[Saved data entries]
────────────────────────────────────────
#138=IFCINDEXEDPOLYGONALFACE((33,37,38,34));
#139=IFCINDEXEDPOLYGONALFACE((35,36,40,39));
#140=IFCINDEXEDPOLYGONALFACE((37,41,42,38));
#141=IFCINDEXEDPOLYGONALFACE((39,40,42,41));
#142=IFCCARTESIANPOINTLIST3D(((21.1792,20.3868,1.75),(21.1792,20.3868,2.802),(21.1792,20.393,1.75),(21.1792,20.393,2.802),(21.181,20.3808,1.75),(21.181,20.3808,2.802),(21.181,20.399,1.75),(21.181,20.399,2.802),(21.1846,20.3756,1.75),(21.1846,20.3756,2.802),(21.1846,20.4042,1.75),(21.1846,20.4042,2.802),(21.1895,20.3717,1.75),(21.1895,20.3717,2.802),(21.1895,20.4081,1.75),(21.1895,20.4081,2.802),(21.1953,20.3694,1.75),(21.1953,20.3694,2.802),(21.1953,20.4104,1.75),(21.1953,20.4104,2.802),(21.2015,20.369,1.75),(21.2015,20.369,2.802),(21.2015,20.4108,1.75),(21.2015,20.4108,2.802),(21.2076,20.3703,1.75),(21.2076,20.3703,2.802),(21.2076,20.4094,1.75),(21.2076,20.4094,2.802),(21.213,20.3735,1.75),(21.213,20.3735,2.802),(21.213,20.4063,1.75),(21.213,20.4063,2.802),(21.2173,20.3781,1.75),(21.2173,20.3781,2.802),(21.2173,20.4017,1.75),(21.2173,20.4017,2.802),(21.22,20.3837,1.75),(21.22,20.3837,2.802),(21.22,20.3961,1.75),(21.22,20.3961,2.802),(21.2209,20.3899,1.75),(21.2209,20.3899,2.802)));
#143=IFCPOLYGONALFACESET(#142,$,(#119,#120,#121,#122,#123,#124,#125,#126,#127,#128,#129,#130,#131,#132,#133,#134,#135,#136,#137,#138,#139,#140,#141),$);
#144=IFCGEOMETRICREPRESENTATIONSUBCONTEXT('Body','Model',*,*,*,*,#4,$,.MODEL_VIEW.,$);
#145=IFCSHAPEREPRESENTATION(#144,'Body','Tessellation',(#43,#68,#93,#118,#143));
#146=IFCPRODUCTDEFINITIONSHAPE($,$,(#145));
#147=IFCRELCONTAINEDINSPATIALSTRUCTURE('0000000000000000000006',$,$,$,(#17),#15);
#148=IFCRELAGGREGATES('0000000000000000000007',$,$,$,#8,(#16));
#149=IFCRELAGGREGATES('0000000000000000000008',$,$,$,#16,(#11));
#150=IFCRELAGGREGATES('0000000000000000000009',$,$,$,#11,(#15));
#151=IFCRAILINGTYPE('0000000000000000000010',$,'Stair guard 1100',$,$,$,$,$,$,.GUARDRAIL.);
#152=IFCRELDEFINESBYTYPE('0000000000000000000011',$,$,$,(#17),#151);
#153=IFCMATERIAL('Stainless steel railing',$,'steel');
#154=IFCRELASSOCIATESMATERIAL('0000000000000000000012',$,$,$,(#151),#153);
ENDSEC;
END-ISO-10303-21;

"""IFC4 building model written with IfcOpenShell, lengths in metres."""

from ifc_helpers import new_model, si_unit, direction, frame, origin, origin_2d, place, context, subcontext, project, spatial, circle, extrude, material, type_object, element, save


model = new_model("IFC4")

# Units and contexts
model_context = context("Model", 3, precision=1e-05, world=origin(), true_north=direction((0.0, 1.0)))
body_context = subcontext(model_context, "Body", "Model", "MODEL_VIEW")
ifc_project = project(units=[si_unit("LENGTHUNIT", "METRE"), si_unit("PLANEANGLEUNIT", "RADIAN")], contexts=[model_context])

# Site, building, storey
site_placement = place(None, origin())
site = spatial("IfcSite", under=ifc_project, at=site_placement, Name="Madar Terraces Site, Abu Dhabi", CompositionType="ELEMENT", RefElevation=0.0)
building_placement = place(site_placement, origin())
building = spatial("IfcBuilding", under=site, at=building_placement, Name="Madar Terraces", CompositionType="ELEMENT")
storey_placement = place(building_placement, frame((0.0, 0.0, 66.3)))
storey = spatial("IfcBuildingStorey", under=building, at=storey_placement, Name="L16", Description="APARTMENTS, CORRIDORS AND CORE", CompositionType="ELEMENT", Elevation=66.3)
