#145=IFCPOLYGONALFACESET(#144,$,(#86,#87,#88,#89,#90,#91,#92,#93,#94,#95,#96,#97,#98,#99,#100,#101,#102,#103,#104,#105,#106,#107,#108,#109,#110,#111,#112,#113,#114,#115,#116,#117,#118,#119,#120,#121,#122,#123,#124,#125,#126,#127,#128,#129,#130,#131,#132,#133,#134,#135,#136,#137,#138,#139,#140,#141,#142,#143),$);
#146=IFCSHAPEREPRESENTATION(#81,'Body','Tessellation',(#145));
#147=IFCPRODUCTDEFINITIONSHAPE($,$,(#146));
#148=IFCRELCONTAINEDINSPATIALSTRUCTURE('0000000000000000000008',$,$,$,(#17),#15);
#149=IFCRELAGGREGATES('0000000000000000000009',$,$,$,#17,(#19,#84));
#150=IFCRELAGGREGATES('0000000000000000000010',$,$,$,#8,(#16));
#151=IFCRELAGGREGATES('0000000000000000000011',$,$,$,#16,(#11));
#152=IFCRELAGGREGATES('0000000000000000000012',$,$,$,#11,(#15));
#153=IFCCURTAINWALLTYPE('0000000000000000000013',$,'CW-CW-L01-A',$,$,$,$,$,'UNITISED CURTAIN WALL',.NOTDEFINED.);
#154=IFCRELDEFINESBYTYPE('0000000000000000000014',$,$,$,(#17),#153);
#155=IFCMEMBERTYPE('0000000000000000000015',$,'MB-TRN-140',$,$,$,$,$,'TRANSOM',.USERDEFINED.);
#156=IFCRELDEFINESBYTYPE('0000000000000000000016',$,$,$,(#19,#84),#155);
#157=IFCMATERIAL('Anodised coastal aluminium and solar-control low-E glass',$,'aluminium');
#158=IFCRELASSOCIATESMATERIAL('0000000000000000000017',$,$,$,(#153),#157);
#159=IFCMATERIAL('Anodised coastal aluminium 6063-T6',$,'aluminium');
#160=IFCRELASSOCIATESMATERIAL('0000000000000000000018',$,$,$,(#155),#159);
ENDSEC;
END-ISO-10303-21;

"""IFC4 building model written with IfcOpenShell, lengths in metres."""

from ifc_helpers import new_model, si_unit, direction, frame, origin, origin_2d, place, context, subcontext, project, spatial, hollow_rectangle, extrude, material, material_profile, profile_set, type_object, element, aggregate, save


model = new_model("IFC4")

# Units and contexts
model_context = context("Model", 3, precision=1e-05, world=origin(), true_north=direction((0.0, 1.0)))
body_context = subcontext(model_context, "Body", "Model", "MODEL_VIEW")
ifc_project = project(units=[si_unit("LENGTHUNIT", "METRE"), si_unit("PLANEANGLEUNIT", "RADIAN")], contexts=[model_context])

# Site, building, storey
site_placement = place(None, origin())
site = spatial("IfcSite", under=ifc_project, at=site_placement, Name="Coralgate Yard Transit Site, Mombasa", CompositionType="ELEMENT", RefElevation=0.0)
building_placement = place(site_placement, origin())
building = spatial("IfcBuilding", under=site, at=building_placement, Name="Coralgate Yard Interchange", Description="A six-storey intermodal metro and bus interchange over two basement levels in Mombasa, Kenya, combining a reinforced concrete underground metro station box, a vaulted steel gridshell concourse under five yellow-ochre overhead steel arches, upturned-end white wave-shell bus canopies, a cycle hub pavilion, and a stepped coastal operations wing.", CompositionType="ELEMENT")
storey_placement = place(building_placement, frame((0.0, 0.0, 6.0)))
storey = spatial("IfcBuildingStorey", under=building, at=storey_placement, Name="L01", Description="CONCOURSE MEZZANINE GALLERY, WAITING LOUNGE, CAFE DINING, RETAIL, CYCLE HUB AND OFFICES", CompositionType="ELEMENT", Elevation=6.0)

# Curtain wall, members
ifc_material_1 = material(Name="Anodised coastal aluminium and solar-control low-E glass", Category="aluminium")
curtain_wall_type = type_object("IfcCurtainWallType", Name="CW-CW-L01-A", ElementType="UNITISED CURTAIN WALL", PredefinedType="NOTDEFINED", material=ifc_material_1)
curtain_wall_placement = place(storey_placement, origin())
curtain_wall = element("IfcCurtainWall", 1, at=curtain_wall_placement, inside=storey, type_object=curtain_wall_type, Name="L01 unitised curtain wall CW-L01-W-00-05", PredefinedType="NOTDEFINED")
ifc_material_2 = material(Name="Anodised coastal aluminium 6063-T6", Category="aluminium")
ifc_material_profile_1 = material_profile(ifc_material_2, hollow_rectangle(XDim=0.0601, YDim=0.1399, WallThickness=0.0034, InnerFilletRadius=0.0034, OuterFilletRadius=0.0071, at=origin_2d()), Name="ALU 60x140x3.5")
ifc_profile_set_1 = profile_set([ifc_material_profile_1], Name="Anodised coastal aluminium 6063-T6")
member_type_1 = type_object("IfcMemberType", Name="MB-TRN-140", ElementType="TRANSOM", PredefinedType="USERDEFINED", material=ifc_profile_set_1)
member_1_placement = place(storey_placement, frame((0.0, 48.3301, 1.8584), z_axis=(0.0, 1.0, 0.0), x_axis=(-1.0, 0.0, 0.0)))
────────────────────────────────────────
DESCRIPTION OF THE TASK ->
Note each line above that contains "extrude" and copy it out.

RESPONSE ->
from ifc_helpers import new_model, si_unit, direction, frame, origin, origin_2d, place, context, subcontext, project, spatial, circle, extrude, material, type_object, element, save
from ifc_helpers import new_model, si_unit, direction, frame, origin, origin_2d, place, context, subcontext, project, spatial, hollow_rectangle, extrude, material, material_profile, profile_set, type_object, element, aggregate, save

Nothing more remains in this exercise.